## WHAT YOU WILL DO:
Quote exactly, and only, the lines of the material below from the line with "#50=IFCINDEXEDPOLYGONALFACE((54,58,60,56));" through the line with "#76=IFCINDEXEDPOLYGONALFACE((109,110,112,111));".

DATA START

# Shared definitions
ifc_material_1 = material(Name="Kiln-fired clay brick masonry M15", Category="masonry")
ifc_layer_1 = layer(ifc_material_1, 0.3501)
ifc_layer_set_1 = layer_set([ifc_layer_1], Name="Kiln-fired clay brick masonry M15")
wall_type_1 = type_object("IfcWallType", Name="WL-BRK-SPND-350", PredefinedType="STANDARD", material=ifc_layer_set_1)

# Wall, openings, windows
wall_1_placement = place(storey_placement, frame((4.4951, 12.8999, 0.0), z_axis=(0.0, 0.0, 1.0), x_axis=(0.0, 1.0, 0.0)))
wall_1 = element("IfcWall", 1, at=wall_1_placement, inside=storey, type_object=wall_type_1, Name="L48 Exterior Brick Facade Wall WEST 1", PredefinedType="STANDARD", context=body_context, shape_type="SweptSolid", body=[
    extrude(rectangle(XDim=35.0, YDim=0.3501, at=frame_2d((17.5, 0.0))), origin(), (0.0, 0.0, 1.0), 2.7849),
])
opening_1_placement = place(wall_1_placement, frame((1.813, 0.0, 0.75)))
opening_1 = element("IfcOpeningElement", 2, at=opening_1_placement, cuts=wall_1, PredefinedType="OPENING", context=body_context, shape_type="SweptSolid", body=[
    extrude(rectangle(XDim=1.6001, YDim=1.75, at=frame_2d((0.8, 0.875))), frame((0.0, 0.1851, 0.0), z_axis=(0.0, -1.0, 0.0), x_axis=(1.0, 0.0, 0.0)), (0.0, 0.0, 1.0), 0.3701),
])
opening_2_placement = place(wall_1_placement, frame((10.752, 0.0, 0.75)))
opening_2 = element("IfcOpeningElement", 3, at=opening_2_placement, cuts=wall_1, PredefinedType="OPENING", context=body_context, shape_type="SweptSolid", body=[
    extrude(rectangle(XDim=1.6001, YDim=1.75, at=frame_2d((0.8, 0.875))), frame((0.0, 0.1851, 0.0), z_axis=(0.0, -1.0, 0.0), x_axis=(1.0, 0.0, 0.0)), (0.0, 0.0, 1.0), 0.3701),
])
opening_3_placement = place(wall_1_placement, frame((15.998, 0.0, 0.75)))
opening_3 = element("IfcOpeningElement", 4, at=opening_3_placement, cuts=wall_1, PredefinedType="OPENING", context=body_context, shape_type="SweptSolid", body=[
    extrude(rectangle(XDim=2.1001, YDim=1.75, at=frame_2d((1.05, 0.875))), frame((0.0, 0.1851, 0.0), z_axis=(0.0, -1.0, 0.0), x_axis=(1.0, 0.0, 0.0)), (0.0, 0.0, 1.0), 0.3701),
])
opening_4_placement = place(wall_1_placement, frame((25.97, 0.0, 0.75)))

DATA END
DATA START

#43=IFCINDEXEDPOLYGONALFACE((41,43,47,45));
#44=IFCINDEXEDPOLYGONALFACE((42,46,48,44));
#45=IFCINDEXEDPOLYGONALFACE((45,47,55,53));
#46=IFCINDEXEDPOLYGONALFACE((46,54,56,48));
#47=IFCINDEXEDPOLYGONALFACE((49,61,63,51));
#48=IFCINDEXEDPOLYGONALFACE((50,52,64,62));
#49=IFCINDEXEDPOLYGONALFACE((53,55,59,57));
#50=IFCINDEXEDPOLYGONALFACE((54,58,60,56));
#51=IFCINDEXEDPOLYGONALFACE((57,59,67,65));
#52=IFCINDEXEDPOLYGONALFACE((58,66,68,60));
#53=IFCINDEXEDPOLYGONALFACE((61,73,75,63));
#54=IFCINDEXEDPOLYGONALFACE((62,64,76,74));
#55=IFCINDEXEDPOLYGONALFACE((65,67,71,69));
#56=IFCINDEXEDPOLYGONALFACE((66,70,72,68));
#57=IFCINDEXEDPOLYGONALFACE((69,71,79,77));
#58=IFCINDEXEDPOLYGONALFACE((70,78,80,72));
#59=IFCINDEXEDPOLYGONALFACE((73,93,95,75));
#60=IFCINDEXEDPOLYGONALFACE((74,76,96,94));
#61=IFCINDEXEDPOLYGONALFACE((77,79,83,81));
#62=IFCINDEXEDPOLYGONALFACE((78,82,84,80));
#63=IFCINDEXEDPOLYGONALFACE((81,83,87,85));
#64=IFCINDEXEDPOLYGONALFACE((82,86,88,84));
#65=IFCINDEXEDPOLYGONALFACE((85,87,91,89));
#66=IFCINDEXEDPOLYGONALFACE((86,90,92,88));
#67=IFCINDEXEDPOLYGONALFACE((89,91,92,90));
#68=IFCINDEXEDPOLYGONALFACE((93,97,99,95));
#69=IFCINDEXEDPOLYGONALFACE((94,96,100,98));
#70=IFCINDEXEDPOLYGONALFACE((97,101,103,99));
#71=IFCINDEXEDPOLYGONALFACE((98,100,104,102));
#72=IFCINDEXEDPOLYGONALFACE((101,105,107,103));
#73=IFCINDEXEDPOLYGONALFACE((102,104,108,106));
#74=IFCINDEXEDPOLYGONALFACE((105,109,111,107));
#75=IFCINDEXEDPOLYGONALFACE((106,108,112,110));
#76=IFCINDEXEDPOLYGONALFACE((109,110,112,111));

DATA END

## EXPECTED ANSWER:
#50=IFCINDEXEDPOLYGONALFACE((54,58,60,56));
#51=IFCINDEXEDPOLYGONALFACE((57,59,67,65));
#52=IFCINDEXEDPOLYGONALFACE((58,66,68,60));
#53=IFCINDEXEDPOLYGONALFACE((61,73,75,63));
#54=IFCINDEXEDPOLYGONALFACE((62,64,76,74));
#55=IFCINDEXEDPOLYGONALFACE((65,67,71,69));
#56=IFCINDEXEDPOLYGONALFACE((66,70,72,68));
#57=IFCINDEXEDPOLYGONALFACE((69,71,79,77));
#58=IFCINDEXEDPOLYGONALFACE((70,78,80,72));
#59=IFCINDEXEDPOLYGONALFACE((73,93,95,75));
#60=IFCINDEXEDPOLYGONALFACE((74,76,96,94));
#61=IFCINDEXEDPOLYGONALFACE((77,79,83,81));
#62=IFCINDEXEDPOLYGONALFACE((78,82,84,80));
#63=IFCINDEXEDPOLYGONALFACE((81,83,87,85));
#64=IFCINDEXEDPOLYGONALFACE((82,86,88,84));
#65=IFCINDEXEDPOLYGONALFACE((85,87,91,89));
#66=IFCINDEXEDPOLYGONALFACE((86,90,92,88));
#67=IFCINDEXEDPOLYGONALFACE((89,91,92,90));
#68=IFCINDEXEDPOLYGONALFACE((93,97,99,95));
#69=IFCINDEXEDPOLYGONALFACE((94,96,100,98));
#70=IFCINDEXEDPOLYGONALFACE((97,101,103,99));
#71=IFCINDEXEDPOLYGONALFACE((98,100,104,102));
#72=IFCINDEXEDPOLYGONALFACE((101,105,107,103));
#73=IFCINDEXEDPOLYGONALFACE((102,104,108,106));
#74=IFCINDEXEDPOLYGONALFACE((105,109,111,107));
#75=IFCINDEXEDPOLYGONALFACE((106,108,112,110));
#76=IFCINDEXEDPOLYGONALFACE((109,110,112,111));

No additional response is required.